Work item: Look through the data below for the line with "#142=IFCINDEXEDPOLYGONALFACE((53,57,59,55));", and transcribe it exactly together with each line after it up to and including the line with "#148=IFCINDEXEDPOLYGONALFACE((65,69,70,66));". Give nothing else.

Provided data:

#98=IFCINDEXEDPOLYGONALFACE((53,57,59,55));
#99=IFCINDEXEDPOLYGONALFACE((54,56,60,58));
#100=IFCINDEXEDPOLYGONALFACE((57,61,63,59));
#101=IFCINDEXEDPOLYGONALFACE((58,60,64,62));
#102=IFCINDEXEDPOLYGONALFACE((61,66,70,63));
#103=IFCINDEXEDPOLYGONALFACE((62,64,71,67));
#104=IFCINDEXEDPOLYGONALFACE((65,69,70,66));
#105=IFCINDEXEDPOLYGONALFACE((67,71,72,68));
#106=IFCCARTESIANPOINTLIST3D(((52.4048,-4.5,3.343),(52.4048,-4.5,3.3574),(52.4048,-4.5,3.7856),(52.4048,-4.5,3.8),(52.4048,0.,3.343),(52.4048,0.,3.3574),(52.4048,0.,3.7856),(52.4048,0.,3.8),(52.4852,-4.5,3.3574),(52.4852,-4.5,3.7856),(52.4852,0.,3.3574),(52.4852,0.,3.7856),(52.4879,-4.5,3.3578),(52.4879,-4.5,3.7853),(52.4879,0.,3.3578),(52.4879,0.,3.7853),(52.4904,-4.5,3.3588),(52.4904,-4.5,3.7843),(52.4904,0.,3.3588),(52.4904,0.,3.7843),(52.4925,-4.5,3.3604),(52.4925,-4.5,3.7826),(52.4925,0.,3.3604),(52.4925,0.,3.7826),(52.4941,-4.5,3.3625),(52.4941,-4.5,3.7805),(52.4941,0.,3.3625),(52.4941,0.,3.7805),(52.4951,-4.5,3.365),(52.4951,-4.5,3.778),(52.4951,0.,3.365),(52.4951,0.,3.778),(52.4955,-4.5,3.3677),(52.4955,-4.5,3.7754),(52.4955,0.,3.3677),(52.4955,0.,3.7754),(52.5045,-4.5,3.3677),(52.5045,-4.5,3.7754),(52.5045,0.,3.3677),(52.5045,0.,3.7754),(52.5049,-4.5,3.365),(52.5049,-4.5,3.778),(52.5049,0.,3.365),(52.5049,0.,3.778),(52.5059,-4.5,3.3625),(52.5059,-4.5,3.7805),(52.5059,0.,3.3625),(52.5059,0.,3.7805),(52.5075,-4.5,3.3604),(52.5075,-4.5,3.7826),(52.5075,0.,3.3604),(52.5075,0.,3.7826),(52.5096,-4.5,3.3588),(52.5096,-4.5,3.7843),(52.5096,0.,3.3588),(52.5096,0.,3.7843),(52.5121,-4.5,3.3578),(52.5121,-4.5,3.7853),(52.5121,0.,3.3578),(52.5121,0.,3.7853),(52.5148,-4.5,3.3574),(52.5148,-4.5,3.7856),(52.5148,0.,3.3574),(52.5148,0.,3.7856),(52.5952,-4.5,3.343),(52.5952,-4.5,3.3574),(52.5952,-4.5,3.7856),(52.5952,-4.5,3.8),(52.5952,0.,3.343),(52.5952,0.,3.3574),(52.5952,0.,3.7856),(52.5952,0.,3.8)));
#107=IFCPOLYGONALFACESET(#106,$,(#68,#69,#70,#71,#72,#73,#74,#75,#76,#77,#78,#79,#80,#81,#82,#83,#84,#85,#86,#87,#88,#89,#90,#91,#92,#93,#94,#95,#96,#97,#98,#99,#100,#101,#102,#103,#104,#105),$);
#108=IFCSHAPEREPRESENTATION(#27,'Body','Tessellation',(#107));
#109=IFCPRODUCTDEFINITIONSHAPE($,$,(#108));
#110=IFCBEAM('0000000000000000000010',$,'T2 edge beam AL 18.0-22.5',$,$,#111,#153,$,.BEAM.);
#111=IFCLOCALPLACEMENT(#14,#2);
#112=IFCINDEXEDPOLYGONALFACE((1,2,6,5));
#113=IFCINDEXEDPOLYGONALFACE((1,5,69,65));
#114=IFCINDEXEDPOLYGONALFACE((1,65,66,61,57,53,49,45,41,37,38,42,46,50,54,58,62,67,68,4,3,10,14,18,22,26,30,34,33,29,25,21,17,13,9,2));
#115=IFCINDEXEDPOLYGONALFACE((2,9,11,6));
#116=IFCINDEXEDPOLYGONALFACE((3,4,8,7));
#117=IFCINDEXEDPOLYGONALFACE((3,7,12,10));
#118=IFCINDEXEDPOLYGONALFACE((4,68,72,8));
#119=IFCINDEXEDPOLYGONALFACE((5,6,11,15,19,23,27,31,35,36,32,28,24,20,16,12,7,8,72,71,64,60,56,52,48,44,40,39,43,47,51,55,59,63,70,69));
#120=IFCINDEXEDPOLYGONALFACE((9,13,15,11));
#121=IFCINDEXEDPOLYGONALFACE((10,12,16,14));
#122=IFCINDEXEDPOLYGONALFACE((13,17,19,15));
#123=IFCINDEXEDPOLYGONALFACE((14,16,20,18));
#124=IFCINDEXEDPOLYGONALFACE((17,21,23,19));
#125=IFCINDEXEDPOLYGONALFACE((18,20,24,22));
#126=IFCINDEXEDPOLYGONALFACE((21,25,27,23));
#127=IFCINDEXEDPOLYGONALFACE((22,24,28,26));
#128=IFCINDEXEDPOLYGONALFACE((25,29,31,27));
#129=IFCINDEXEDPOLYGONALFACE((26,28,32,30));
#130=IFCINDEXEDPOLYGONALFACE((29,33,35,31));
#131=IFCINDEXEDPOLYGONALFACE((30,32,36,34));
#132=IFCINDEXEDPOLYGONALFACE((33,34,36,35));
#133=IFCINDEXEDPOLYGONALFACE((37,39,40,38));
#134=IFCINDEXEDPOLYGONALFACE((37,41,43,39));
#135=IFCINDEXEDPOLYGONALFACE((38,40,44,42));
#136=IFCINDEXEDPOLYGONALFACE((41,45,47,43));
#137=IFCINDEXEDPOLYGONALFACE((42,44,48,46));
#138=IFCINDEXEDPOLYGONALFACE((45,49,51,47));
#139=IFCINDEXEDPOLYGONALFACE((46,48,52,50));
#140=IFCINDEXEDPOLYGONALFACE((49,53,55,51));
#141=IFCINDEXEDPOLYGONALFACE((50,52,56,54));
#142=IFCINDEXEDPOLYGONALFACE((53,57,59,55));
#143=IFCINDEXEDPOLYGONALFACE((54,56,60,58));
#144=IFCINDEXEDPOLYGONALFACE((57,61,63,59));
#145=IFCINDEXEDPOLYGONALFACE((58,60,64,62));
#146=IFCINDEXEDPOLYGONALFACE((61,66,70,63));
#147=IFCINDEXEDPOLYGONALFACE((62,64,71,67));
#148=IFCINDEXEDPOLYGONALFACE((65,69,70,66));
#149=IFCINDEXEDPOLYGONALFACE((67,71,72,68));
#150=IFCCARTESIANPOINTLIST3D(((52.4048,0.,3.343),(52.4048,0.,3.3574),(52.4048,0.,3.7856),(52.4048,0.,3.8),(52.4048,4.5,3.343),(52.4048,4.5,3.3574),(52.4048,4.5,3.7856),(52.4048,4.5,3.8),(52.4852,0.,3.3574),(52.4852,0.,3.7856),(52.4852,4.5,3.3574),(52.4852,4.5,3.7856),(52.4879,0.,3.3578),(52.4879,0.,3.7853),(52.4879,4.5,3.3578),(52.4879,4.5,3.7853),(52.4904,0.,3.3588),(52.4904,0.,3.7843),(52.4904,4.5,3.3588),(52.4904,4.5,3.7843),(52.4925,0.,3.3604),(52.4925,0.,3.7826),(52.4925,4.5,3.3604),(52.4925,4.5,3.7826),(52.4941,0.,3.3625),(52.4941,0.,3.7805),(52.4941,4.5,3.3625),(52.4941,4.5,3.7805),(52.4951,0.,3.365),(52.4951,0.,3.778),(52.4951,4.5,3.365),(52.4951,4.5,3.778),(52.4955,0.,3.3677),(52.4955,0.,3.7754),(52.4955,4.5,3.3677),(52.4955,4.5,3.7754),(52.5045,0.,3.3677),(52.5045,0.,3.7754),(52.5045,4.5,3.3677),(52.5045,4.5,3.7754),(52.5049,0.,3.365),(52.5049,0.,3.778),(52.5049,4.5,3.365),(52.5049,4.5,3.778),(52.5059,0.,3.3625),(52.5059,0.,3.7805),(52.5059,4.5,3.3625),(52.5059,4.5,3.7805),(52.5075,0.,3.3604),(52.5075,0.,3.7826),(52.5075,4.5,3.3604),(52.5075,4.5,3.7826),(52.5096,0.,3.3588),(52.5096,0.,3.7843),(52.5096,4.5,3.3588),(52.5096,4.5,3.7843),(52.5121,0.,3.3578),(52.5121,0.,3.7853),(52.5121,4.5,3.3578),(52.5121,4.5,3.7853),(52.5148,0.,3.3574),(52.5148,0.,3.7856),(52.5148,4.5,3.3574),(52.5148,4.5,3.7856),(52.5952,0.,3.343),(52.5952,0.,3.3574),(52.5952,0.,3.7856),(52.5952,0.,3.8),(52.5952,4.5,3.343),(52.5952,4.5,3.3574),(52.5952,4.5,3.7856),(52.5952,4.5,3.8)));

Solution for this task:
#142=IFCINDEXEDPOLYGONALFACE((53,57,59,55));
#143=IFCINDEXEDPOLYGONALFACE((54,56,60,58));
#144=IFCINDEXEDPOLYGONALFACE((57,61,63,59));
#145=IFCINDEXEDPOLYGONALFACE((58,60,64,62));
#146=IFCINDEXEDPOLYGONALFACE((61,66,70,63));
#147=IFCINDEXEDPOLYGONALFACE((62,64,71,67));
#148=IFCINDEXEDPOLYGONALFACE((65,69,70,66));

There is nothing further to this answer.